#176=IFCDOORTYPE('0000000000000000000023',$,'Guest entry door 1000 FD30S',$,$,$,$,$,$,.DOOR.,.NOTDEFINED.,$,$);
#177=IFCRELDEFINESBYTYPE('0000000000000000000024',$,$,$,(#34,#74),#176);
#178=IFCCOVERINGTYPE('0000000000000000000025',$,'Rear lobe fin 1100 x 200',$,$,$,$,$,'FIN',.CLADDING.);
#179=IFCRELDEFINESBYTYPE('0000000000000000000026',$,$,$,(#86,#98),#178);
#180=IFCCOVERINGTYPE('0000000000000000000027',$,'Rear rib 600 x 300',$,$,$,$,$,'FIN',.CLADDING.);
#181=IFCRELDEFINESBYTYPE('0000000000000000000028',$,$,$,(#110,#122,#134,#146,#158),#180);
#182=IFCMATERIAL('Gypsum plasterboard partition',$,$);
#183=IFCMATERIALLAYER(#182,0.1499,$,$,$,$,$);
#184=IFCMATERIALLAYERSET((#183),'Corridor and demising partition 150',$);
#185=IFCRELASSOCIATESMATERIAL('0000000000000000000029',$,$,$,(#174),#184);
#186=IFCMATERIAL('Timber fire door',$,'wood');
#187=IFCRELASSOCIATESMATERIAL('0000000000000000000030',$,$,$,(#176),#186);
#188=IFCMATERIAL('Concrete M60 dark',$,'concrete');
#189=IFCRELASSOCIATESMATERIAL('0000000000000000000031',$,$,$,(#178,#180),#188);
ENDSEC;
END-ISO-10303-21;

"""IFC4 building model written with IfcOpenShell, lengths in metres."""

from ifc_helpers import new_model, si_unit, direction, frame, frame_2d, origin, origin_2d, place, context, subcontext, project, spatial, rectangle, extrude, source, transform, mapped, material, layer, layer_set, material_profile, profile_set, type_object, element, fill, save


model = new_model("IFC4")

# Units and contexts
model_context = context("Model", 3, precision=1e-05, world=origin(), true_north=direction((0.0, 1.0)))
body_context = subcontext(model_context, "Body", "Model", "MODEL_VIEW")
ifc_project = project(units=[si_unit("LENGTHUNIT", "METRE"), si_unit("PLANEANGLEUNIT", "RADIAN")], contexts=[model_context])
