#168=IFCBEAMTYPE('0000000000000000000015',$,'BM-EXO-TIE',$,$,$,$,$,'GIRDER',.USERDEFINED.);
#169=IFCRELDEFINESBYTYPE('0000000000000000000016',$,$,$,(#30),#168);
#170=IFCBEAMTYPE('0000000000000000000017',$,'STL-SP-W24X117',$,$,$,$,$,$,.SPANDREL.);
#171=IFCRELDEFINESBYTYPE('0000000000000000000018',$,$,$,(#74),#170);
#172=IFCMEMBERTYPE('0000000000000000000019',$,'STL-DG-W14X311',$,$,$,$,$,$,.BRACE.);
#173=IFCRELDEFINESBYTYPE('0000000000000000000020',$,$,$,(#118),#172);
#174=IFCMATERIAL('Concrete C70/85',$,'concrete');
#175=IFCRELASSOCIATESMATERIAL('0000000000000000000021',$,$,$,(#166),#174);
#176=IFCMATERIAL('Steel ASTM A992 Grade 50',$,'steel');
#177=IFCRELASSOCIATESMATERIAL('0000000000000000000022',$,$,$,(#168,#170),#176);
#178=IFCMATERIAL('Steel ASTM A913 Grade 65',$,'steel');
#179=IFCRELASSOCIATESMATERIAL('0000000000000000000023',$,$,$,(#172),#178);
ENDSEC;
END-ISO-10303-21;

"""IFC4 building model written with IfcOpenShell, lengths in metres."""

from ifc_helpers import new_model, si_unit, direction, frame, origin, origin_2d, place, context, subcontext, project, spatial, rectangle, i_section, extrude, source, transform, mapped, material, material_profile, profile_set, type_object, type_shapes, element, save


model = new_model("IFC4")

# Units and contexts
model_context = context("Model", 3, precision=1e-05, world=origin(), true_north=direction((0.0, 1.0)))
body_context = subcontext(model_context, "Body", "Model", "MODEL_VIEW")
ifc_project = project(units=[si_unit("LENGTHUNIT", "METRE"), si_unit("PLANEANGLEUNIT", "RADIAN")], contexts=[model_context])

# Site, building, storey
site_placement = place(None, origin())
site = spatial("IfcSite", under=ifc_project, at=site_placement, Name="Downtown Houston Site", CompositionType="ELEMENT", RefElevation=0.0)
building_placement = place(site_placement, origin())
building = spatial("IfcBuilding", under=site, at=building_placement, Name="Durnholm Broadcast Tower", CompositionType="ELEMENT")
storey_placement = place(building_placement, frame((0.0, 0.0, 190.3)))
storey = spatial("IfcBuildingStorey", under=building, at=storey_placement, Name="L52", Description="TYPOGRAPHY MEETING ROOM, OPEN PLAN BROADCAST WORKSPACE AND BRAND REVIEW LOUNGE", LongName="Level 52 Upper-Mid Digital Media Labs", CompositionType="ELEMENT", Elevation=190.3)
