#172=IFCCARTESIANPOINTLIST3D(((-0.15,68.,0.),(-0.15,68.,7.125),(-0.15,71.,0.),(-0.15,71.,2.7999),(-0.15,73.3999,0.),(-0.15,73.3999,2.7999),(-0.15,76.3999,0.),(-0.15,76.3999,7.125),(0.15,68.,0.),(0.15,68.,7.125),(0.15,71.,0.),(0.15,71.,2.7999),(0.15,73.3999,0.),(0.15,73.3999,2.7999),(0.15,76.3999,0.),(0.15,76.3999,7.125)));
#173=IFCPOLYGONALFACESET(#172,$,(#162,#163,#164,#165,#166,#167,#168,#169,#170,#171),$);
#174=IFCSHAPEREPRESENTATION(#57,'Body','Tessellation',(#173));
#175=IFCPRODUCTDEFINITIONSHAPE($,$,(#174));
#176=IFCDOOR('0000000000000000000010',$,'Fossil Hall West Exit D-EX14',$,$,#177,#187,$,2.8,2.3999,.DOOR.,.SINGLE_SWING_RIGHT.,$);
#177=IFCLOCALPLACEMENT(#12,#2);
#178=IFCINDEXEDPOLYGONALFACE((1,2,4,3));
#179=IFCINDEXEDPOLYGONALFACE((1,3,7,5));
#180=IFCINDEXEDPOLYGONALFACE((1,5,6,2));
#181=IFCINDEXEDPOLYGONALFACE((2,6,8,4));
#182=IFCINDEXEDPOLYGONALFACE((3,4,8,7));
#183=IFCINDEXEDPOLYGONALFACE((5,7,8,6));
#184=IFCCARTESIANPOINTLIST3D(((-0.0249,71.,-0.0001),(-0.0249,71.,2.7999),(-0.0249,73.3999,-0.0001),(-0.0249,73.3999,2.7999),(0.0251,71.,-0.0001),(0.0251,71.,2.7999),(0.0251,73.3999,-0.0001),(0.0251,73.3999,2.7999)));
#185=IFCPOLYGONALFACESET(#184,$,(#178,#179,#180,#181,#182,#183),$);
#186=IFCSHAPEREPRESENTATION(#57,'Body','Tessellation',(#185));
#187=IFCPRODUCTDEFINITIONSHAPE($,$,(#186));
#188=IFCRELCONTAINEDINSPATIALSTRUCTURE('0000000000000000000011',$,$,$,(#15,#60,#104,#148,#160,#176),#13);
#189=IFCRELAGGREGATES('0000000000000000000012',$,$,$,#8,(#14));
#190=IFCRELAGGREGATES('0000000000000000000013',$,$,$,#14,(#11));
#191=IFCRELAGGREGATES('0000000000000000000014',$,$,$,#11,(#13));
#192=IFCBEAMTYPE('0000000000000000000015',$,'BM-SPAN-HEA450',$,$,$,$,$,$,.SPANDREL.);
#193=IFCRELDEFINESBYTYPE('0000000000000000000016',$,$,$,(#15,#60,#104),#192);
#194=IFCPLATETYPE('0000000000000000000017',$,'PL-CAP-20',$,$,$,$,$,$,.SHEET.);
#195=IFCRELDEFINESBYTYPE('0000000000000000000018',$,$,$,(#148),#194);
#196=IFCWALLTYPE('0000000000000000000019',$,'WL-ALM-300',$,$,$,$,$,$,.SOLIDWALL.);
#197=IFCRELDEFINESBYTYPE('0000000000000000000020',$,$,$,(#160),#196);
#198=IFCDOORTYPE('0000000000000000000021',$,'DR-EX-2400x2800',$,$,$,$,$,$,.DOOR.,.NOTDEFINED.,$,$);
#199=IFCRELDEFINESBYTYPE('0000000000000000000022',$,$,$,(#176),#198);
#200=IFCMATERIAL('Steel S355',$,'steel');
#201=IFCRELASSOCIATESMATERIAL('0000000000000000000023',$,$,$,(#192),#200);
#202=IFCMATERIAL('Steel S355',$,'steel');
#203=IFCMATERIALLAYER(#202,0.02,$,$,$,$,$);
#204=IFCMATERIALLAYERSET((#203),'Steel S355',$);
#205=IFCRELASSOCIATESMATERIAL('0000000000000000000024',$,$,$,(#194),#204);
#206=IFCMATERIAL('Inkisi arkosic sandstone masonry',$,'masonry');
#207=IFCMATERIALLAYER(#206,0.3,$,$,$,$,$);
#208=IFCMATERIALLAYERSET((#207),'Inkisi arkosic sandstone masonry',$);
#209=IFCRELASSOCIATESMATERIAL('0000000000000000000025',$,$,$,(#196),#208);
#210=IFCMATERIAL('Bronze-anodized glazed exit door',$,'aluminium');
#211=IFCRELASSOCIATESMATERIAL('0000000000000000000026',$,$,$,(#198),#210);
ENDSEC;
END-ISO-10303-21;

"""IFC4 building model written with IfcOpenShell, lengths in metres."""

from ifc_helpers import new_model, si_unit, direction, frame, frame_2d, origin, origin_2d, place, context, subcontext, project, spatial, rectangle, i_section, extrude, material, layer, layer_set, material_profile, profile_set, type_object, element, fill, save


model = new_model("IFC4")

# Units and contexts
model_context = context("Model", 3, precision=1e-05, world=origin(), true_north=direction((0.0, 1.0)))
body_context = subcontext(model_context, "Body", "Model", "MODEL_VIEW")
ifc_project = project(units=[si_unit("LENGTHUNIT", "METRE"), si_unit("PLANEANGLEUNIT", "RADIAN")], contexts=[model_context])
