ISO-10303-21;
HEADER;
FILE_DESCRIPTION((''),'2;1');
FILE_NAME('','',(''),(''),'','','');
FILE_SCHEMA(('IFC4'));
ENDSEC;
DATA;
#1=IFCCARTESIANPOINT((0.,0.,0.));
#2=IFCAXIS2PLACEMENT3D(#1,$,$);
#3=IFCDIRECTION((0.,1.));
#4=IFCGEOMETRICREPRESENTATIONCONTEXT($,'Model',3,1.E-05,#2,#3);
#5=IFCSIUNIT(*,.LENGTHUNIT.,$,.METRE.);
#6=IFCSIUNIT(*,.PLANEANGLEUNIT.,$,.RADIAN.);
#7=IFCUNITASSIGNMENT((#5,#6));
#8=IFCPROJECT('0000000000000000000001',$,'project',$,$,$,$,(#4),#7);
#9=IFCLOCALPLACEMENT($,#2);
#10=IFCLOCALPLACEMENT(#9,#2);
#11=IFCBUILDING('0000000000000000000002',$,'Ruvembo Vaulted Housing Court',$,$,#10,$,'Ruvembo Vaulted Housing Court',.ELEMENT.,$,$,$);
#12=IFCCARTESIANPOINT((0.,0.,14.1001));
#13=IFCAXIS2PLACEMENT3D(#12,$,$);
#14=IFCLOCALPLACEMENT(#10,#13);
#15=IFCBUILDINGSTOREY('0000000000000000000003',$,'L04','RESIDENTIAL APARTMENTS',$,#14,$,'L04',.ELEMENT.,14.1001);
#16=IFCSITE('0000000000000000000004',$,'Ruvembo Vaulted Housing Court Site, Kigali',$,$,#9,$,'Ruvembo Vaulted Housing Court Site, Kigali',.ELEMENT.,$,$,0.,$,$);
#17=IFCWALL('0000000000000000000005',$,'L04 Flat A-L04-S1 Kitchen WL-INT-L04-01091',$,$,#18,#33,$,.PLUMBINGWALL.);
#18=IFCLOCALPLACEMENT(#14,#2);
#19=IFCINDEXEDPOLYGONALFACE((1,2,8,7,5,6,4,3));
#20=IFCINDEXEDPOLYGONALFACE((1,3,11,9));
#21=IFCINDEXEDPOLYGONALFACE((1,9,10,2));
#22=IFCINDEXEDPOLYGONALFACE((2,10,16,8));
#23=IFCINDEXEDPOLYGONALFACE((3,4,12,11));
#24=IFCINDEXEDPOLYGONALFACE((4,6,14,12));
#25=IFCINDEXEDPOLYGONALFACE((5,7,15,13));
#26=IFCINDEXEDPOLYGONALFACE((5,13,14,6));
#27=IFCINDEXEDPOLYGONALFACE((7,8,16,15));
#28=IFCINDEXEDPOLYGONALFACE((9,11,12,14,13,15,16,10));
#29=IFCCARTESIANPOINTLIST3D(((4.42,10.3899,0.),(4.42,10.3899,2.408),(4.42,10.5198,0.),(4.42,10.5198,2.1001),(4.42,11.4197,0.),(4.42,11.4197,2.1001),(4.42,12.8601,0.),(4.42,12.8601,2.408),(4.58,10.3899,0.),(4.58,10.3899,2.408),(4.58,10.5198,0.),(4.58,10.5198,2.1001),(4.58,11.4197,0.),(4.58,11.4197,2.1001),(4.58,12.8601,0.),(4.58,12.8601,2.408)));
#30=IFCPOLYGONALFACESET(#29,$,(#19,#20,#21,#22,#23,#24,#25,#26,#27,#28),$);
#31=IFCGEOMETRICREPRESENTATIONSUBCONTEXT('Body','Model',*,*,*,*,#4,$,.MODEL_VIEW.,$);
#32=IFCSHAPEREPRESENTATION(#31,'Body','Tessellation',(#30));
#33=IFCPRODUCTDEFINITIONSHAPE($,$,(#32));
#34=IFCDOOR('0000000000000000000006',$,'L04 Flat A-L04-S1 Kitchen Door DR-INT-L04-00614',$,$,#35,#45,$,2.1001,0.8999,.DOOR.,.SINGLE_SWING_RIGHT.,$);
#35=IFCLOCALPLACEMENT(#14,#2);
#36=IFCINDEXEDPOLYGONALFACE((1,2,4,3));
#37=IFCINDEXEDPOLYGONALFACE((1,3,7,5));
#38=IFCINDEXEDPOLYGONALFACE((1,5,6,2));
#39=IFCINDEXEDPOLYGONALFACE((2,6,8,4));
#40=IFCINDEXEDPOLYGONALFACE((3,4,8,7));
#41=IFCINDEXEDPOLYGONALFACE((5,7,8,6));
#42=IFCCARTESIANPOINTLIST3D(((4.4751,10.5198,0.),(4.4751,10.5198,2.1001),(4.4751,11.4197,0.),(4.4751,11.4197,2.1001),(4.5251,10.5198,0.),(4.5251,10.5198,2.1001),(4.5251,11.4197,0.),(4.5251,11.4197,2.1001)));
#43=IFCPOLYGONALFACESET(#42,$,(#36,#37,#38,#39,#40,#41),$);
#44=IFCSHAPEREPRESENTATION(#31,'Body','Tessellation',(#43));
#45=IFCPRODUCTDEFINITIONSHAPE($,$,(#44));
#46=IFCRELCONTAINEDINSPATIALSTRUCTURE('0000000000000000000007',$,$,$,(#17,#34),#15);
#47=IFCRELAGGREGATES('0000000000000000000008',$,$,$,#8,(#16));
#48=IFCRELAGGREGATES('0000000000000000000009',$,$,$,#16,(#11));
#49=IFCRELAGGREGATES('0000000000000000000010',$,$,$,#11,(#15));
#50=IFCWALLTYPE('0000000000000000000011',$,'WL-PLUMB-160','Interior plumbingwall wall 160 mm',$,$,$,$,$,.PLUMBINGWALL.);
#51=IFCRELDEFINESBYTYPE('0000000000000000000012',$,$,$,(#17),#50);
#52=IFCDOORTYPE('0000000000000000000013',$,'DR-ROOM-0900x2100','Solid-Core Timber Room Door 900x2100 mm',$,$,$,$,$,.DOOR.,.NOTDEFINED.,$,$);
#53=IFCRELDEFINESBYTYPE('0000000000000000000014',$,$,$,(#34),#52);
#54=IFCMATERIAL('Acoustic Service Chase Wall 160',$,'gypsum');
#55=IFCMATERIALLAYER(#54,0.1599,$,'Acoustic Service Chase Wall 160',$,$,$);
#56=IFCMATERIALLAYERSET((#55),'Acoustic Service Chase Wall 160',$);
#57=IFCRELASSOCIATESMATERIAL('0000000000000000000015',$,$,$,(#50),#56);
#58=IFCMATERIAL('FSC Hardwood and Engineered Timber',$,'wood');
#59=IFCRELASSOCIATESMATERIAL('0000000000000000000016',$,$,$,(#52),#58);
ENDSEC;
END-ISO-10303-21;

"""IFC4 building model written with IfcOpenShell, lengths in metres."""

from ifc_helpers import new_model, si_unit, direction, frame, frame_2d, origin, place, context, subcontext, project, spatial, rectangle, extrude, material, layer, layer_set, type_object, element, fill, save


model = new_model("IFC4")

# Units and contexts
model_context = context("Model", 3, precision=1e-05, world=origin(), true_north=direction((0.0, 1.0)))
body_context = subcontext(model_context, "Body", "Model", "MODEL_VIEW")
ifc_project = project(units=[si_unit("LENGTHUNIT", "METRE"), si_unit("PLANEANGLEUNIT", "RADIAN")], contexts=[model_context])

# Site, building, storey
site_placement = place(None, origin())
site = spatial("IfcSite", under=ifc_project, at=site_placement, Name="Ruvembo Vaulted Housing Court Site, Kigali", LongName="Ruvembo Vaulted Housing Court Site, Kigali", CompositionType="ELEMENT", RefElevation=0.0)
building_placement = place(site_placement, origin())
building = spatial("IfcBuilding", under=site, at=building_placement, Name="Ruvembo Vaulted Housing Court", LongName="Ruvembo Vaulted Housing Court", CompositionType="ELEMENT")
storey_placement = place(building_placement, frame((0.0, 0.0, 14.1001)))
storey = spatial("IfcBuildingStorey", under=building, at=storey_placement, Name="L04", Description="RESIDENTIAL APARTMENTS", LongName="L04", CompositionType="ELEMENT", Elevation=14.1001)

# Shared definitions
ifc_material_1 = material(Name="FSC Hardwood and Engineered Timber", Category="wood")

# Wall, opening, door
ifc_material_2 = material(Name="Acoustic Service Chase Wall 160", Category="gypsum")
ifc_layer_1 = layer(ifc_material_2, 0.1599, Name="Acoustic Service Chase Wall 160")
ifc_layer_set_1 = layer_set([ifc_layer_1], Name="Acoustic Service Chase Wall 160")
wall_type_1 = type_object("IfcWallType", Name="WL-PLUMB-160", Description="Interior plumbingwall wall 160 mm", PredefinedType="PLUMBINGWALL", material=ifc_layer_set_1)
wall_1_placement = place(storey_placement, frame((4.5, 10.3899, 0.0), z_axis=(0.0, 0.0, 1.0), x_axis=(0.0, 1.0, 0.0)))
wall_1 = element("IfcWall", 1, at=wall_1_placement, inside=storey, type_object=wall_type_1, Name="L04 Flat A-L04-S1 Kitchen WL-INT-L04-01091", PredefinedType="PLUMBINGWALL", context=body_context, shape_type="SweptSolid", body=[
    extrude(rectangle(XDim=2.4702, YDim=0.1599, at=frame_2d((1.2351, 0.0))), origin(), (0.0, 0.0, 1.0), 2.408),
])
opening_1_placement = place(wall_1_placement, frame((0.1299, 0.0, 0.0)))
opening_1 = element("IfcOpeningElement", 2, at=opening_1_placement, cuts=wall_1, PredefinedType="OPENING", context=body_context, shape_type="SweptSolid", body=[
    extrude(rectangle(XDim=0.8999, YDim=2.1001, at=frame_2d((0.45, 1.05))), frame((0.0, 0.0898, 0.0), z_axis=(0.0, -1.0, 0.0), x_axis=(1.0, 0.0, 0.0)), (0.0, 0.0, 1.0), 0.1799),
])
door_type_1 = type_object("IfcDoorType", Name="DR-ROOM-0900x2100", Description="Solid-Core Timber Room Door 900x2100 mm", OperationType="NOTDEFINED", PredefinedType="DOOR", material=ifc_material_1)
door_1_placement = place(opening_1_placement, origin())
door_1 = element("IfcDoor", 3, at=door_1_placement, inside=storey, type_object=door_type_1, Name="L04 Flat A-L04-S1 Kitchen Door DR-INT-L04-00614", OperationType="SINGLE_SWING_RIGHT", OverallHeight=2.1001, OverallWidth=0.8999, PredefinedType="DOOR", context=body_context, shape_type="SweptSolid", body=[
    extrude(rectangle(XDim=0.8999, YDim=2.1001, at=frame_2d((0.45, 1.05))), frame((0.0, 0.0249, 0.0), z_axis=(0.0, -1.0, 0.0), x_axis=(1.0, 0.0, 0.0)), (0.0, 0.0, 1.0), 0.05),
])
fill(opening_1, door_1)

save(model, "model.ifc")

****

The task =
In the listing above, the lines from the one containing "#7=IFCUNITASSIGNMENT((#5,#6));" through the one containing "#14=IFCLOCALPLACEMENT(#10,#13);" must be set down exactly, with no other lines.

Response area =
#7=IFCUNITASSIGNMENT((#5,#6));
#8=IFCPROJECT('0000000000000000000001',$,'project',$,$,$,$,(#4),#7);
#9=IFCLOCALPLACEMENT($,#2);
#10=IFCLOCALPLACEMENT(#9,#2);
#11=IFCBUILDING('0000000000000000000002',$,'Ruvembo Vaulted Housing Court',$,$,#10,$,'Ruvembo Vaulted Housing Court',.ELEMENT.,$,$,$);
#12=IFCCARTESIANPOINT((0.,0.,14.1001));
#13=IFCAXIS2PLACEMENT3D(#12,$,$);
#14=IFCLOCALPLACEMENT(#10,#13);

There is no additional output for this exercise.